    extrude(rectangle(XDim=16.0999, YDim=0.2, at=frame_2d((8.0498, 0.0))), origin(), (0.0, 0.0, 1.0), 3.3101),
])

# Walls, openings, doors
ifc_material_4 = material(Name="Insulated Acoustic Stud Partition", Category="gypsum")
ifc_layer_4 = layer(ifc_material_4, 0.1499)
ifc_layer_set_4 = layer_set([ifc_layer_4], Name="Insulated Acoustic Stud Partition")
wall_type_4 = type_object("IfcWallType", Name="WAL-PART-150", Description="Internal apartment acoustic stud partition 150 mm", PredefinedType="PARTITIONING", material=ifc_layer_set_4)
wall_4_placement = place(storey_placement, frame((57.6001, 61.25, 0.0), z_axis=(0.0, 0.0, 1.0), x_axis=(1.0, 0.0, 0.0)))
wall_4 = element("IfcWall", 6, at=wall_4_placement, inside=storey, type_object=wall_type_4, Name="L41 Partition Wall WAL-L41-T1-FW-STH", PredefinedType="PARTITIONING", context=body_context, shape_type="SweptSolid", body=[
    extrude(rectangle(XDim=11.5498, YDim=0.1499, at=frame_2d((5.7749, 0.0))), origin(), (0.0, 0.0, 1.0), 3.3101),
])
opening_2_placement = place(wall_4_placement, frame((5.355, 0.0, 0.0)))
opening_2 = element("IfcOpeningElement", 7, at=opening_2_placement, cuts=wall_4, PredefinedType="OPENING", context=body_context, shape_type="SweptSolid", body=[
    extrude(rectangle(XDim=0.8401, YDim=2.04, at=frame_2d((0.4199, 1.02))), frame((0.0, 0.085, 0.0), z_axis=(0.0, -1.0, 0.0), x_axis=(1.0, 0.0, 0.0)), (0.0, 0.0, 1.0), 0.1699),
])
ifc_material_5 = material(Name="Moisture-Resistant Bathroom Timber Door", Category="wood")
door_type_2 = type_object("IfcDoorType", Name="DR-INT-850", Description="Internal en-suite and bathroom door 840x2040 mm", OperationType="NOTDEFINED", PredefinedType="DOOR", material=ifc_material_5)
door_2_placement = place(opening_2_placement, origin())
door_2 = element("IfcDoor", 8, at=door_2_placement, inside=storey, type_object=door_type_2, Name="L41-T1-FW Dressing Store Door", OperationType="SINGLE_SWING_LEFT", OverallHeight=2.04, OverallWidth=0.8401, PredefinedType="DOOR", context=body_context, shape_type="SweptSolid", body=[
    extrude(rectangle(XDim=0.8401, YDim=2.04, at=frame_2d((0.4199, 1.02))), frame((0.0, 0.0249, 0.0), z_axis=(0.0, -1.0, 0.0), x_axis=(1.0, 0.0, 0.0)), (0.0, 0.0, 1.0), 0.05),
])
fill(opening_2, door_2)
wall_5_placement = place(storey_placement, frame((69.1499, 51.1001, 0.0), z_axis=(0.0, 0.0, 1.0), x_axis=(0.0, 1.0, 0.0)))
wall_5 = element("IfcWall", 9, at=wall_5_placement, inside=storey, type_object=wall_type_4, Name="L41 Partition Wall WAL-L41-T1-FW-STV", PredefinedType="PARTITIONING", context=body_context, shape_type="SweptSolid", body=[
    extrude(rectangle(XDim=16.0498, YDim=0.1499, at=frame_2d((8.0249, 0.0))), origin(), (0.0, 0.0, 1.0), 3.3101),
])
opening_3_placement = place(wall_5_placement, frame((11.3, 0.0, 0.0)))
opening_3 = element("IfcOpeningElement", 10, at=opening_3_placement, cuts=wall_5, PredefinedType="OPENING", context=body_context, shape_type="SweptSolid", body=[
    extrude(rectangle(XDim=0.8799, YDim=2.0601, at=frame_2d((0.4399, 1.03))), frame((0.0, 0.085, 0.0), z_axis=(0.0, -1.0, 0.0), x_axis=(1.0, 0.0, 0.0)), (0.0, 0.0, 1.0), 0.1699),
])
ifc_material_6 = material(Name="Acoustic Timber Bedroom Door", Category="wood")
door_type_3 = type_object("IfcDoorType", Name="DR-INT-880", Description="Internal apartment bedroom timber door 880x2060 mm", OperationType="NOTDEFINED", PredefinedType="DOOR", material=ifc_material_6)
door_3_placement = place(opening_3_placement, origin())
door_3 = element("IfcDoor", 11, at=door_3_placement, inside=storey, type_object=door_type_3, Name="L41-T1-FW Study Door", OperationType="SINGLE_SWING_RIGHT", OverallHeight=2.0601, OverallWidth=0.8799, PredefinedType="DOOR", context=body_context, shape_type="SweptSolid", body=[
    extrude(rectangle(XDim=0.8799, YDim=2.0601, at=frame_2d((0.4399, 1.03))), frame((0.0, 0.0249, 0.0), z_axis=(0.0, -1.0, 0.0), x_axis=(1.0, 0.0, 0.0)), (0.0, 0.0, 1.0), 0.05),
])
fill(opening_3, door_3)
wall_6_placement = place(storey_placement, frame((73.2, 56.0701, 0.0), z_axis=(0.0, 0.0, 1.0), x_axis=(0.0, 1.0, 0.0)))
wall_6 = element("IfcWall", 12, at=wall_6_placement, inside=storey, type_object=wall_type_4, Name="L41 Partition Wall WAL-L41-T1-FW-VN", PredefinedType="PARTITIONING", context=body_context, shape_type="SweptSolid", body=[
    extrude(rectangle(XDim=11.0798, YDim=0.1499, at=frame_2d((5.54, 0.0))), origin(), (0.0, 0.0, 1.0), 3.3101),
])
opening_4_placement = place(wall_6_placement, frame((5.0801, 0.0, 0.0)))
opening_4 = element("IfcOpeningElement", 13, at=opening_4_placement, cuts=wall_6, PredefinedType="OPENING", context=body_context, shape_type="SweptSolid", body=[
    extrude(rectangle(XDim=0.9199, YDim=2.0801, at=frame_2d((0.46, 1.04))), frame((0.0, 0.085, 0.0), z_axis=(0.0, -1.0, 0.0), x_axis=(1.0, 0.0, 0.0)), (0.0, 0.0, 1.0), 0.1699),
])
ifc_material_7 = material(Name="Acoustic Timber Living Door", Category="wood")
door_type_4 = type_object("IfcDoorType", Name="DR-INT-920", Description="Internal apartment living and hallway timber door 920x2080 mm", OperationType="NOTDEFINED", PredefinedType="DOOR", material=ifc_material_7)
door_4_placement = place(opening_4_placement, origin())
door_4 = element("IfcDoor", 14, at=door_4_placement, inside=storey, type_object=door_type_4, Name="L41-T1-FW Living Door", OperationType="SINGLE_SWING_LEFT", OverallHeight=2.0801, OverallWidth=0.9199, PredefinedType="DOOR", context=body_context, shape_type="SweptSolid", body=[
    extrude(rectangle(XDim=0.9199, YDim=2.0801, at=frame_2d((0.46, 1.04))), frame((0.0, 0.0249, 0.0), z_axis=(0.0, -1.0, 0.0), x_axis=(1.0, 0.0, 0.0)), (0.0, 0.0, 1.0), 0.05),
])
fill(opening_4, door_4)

..........

§ **GOAL OF THE EXERCISE**:
Find and copy each line of the listing above that holds the word "fill".

§ **SOLUTION TO THIS PROBLEM**:
fill(opening_2, door_2)
fill(opening_3, door_3)
fill(opening_4, door_4)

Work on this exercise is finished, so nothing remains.